Data excerpts
◆ ◆ ◆ ◆ ◆

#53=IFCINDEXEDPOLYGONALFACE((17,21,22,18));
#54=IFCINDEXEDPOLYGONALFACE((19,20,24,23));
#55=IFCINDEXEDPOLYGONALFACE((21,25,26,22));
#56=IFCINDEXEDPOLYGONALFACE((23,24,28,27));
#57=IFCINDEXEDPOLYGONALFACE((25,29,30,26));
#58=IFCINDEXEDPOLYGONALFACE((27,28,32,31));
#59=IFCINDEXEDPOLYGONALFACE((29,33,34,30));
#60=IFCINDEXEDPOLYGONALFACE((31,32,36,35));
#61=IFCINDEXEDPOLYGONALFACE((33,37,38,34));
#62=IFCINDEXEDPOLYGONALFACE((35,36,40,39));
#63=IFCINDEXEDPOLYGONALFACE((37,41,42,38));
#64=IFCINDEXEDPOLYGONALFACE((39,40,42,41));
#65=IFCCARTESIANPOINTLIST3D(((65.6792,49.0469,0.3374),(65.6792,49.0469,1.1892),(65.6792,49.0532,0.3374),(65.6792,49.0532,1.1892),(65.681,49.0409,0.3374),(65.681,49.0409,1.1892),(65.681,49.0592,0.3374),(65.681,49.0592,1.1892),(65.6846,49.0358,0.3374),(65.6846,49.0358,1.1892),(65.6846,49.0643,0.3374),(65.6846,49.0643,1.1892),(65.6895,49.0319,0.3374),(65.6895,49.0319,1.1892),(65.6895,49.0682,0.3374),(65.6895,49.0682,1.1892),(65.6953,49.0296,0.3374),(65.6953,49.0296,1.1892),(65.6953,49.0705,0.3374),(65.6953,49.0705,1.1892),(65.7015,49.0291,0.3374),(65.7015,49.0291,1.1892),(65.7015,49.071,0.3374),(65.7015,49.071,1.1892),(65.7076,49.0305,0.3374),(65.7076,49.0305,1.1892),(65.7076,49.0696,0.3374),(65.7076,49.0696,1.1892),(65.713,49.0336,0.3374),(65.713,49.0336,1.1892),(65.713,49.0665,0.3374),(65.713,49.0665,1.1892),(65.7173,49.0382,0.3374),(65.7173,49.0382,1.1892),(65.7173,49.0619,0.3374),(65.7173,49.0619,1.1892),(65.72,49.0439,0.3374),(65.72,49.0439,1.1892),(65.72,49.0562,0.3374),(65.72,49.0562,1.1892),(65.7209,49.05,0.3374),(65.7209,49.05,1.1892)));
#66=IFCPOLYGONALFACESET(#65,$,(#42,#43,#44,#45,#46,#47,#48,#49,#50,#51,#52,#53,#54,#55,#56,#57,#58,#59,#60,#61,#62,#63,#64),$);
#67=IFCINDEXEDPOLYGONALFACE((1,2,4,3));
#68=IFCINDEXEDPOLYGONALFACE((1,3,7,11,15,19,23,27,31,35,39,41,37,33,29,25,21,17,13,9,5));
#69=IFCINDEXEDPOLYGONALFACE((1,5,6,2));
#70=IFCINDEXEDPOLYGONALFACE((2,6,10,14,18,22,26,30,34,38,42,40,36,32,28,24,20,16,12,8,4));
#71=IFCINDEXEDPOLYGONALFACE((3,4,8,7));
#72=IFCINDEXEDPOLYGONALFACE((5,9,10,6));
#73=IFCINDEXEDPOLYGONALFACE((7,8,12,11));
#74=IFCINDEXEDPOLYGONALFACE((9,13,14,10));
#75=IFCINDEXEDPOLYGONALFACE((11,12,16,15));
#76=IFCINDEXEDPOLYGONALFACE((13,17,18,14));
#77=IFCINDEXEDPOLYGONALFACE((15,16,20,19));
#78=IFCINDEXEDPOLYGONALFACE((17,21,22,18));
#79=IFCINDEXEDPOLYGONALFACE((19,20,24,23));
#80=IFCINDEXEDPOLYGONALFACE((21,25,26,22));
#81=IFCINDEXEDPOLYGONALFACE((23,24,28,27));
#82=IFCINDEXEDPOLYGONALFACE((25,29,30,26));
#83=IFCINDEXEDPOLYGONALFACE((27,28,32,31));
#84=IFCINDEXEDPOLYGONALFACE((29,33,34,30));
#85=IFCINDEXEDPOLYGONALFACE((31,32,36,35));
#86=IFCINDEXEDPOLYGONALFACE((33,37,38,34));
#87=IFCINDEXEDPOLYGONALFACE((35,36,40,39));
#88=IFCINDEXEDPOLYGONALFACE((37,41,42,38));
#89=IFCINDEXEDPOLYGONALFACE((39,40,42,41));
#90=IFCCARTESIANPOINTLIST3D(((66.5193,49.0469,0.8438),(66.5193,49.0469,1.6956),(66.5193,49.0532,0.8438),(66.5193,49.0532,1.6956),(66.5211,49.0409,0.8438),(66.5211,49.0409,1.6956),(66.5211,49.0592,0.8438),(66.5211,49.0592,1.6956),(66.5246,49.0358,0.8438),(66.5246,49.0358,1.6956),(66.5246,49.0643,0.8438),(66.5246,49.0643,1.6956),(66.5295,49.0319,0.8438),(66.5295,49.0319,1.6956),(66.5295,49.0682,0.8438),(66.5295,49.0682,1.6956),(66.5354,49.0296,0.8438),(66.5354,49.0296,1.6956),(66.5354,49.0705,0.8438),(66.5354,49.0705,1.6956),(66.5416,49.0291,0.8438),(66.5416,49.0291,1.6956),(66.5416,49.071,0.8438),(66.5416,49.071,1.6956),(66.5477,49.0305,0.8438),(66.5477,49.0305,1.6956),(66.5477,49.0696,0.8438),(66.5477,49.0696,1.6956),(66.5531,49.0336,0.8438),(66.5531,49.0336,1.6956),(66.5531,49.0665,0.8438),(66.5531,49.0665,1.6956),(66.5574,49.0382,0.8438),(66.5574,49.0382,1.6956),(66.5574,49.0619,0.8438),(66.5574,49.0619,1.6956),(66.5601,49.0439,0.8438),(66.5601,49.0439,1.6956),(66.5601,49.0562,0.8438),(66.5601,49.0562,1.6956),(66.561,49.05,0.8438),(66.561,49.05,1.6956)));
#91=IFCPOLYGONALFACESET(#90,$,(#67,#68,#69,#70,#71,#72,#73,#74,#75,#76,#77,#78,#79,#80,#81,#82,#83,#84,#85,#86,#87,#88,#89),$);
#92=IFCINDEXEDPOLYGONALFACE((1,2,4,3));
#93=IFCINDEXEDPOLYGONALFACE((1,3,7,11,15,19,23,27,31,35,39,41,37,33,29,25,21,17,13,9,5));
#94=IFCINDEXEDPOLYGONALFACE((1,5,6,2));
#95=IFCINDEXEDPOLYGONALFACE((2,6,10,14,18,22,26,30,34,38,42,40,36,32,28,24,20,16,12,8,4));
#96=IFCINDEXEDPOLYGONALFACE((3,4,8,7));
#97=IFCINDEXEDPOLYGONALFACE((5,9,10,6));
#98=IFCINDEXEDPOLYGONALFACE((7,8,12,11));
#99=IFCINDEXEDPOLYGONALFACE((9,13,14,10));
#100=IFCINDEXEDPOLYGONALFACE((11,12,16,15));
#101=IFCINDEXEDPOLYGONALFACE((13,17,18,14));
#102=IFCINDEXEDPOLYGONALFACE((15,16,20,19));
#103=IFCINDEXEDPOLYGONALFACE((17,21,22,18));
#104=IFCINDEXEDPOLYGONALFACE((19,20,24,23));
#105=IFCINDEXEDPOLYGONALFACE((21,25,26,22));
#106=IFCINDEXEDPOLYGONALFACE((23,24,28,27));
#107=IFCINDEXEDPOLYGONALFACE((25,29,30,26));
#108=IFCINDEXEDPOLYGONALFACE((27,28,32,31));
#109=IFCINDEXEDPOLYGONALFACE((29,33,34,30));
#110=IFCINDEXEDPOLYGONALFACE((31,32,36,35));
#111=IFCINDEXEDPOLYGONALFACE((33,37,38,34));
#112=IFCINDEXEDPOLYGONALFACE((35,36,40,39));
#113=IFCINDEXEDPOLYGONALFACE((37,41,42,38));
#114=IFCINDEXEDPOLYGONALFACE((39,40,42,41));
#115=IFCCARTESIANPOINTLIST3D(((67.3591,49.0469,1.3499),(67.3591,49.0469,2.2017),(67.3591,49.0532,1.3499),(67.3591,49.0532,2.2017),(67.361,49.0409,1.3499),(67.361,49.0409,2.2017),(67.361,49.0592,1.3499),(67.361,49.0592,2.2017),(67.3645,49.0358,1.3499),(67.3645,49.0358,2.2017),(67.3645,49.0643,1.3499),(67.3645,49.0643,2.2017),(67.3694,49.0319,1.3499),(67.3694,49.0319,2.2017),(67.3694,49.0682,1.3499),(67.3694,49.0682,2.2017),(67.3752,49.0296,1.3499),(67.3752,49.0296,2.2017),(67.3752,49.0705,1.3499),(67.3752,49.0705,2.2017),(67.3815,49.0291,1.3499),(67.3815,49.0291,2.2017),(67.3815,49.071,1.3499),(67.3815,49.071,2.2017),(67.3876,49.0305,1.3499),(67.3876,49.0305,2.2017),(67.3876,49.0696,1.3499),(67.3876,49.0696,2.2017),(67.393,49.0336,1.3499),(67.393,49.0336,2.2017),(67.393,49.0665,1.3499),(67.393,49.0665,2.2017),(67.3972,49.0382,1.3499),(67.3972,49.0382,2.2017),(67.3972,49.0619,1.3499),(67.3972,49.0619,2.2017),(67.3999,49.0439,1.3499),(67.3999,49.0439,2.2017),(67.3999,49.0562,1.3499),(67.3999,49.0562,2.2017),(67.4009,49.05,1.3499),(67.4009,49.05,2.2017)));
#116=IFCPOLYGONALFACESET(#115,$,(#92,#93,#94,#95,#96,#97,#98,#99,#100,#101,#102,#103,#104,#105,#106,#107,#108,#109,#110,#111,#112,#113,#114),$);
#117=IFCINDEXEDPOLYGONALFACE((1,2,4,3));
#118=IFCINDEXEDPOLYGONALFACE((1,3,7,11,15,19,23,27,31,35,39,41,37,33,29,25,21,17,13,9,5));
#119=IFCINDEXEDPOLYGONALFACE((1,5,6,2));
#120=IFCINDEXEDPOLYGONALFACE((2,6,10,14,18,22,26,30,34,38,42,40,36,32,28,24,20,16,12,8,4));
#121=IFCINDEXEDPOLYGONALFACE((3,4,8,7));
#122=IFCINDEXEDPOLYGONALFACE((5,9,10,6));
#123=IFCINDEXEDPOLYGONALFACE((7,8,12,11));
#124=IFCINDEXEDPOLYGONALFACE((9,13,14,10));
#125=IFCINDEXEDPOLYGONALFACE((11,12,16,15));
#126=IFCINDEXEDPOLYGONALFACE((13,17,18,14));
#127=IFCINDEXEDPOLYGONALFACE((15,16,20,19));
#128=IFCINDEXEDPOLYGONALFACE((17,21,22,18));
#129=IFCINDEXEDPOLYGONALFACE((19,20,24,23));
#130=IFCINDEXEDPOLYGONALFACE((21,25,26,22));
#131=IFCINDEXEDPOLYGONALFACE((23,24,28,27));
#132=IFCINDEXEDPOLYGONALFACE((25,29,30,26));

◆ ◆ ◆ ◆ ◆

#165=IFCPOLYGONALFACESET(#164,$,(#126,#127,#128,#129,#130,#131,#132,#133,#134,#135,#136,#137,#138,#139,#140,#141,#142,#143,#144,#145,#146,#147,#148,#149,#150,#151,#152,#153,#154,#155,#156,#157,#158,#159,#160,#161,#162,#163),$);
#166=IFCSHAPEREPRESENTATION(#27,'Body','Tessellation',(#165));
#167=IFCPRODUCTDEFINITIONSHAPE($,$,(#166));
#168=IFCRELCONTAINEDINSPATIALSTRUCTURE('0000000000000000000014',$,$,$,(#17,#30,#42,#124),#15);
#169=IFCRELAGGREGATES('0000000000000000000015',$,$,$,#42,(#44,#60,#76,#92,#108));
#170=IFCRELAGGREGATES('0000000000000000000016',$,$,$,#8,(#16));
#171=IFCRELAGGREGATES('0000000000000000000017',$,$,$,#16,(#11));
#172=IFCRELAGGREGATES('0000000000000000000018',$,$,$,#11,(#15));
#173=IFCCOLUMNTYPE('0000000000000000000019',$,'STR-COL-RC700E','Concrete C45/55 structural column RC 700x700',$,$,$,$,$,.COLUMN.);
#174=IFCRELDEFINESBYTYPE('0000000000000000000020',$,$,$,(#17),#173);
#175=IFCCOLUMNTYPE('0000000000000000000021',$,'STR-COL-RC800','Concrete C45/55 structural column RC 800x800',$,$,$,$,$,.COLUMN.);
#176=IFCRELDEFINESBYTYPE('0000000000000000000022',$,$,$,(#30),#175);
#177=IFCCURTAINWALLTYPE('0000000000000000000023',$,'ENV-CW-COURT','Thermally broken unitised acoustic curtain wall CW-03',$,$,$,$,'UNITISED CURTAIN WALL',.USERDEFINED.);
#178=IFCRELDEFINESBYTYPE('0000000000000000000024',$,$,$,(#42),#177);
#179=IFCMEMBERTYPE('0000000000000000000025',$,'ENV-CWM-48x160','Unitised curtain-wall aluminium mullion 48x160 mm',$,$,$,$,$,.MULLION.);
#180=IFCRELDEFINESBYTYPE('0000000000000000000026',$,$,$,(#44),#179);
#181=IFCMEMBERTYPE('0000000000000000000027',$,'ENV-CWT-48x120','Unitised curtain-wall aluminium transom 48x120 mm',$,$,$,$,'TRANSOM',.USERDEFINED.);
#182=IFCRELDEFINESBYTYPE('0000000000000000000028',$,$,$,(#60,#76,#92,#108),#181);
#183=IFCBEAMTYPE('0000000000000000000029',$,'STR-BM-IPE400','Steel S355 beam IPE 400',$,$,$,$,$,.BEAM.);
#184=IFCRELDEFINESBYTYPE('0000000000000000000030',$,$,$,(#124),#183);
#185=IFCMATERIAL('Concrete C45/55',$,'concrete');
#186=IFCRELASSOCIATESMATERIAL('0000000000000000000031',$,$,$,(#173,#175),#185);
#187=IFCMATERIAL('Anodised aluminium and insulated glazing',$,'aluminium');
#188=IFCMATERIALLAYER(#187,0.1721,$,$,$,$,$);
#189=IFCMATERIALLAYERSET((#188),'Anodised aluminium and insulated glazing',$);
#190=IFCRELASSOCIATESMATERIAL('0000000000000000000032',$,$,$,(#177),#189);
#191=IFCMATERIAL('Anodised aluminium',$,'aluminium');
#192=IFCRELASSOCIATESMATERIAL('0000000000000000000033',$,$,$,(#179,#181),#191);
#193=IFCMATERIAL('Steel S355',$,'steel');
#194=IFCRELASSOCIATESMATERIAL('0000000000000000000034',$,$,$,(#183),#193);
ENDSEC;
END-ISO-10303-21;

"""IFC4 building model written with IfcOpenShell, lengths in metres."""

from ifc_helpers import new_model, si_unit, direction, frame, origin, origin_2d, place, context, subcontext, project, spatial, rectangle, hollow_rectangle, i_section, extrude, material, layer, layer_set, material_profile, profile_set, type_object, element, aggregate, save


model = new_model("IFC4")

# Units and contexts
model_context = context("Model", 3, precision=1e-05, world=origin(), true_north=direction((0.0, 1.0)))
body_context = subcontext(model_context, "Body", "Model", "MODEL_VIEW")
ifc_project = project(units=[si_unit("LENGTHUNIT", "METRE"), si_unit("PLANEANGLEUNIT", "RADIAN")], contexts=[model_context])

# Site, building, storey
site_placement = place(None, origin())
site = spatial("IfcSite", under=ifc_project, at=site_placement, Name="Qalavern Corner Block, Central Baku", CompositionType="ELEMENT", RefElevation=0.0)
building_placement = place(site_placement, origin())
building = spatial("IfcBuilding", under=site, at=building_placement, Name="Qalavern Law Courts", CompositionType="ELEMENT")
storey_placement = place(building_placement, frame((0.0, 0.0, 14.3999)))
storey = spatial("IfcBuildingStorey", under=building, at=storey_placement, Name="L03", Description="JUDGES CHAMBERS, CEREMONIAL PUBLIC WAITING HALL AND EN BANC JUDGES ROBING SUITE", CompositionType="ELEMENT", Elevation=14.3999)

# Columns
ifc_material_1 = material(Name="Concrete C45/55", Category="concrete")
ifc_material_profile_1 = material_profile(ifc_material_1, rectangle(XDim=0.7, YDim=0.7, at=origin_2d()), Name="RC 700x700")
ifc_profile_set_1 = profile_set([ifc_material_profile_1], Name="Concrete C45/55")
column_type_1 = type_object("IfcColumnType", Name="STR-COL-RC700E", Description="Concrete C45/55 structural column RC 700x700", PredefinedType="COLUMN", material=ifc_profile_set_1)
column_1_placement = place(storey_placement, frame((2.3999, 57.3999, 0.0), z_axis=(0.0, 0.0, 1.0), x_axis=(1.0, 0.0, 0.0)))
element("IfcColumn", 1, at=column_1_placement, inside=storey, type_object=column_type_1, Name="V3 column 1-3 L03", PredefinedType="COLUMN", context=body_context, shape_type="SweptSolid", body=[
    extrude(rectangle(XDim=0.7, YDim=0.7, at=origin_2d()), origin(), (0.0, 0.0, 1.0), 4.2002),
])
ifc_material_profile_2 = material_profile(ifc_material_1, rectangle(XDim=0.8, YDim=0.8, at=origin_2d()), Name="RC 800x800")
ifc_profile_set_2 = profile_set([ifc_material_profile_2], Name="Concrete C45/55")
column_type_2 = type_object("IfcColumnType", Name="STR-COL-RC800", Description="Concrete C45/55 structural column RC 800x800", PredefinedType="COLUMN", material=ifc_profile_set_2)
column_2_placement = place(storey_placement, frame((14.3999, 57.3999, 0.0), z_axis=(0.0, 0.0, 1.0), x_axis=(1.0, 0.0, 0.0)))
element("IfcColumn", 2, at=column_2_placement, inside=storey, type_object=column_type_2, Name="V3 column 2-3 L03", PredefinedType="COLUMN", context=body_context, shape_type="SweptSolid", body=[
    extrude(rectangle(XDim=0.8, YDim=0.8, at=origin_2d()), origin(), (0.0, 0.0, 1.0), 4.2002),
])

◆ ◆ ◆ ◆ ◆

REQUIRED ACTION:
Taking the entries above, print exactly the lines starting at the line with "#53=IFCINDEXEDPOLYGONALFACE((17,21,22,18));" and ending at the line with "#64=IFCINDEXEDPOLYGONALFACE((39,40,42,41));", both included.

TASK RESPONSE:
#53=IFCINDEXEDPOLYGONALFACE((17,21,22,18));
#54=IFCINDEXEDPOLYGONALFACE((19,20,24,23));
#55=IFCINDEXEDPOLYGONALFACE((21,25,26,22));
#56=IFCINDEXEDPOLYGONALFACE((23,24,28,27));
#57=IFCINDEXEDPOLYGONALFACE((25,29,30,26));
#58=IFCINDEXEDPOLYGONALFACE((27,28,32,31));
#59=IFCINDEXEDPOLYGONALFACE((29,33,34,30));
#60=IFCINDEXEDPOLYGONALFACE((31,32,36,35));
#61=IFCINDEXEDPOLYGONALFACE((33,37,38,34));
#62=IFCINDEXEDPOLYGONALFACE((35,36,40,39));
#63=IFCINDEXEDPOLYGONALFACE((37,41,42,38));
#64=IFCINDEXEDPOLYGONALFACE((39,40,42,41));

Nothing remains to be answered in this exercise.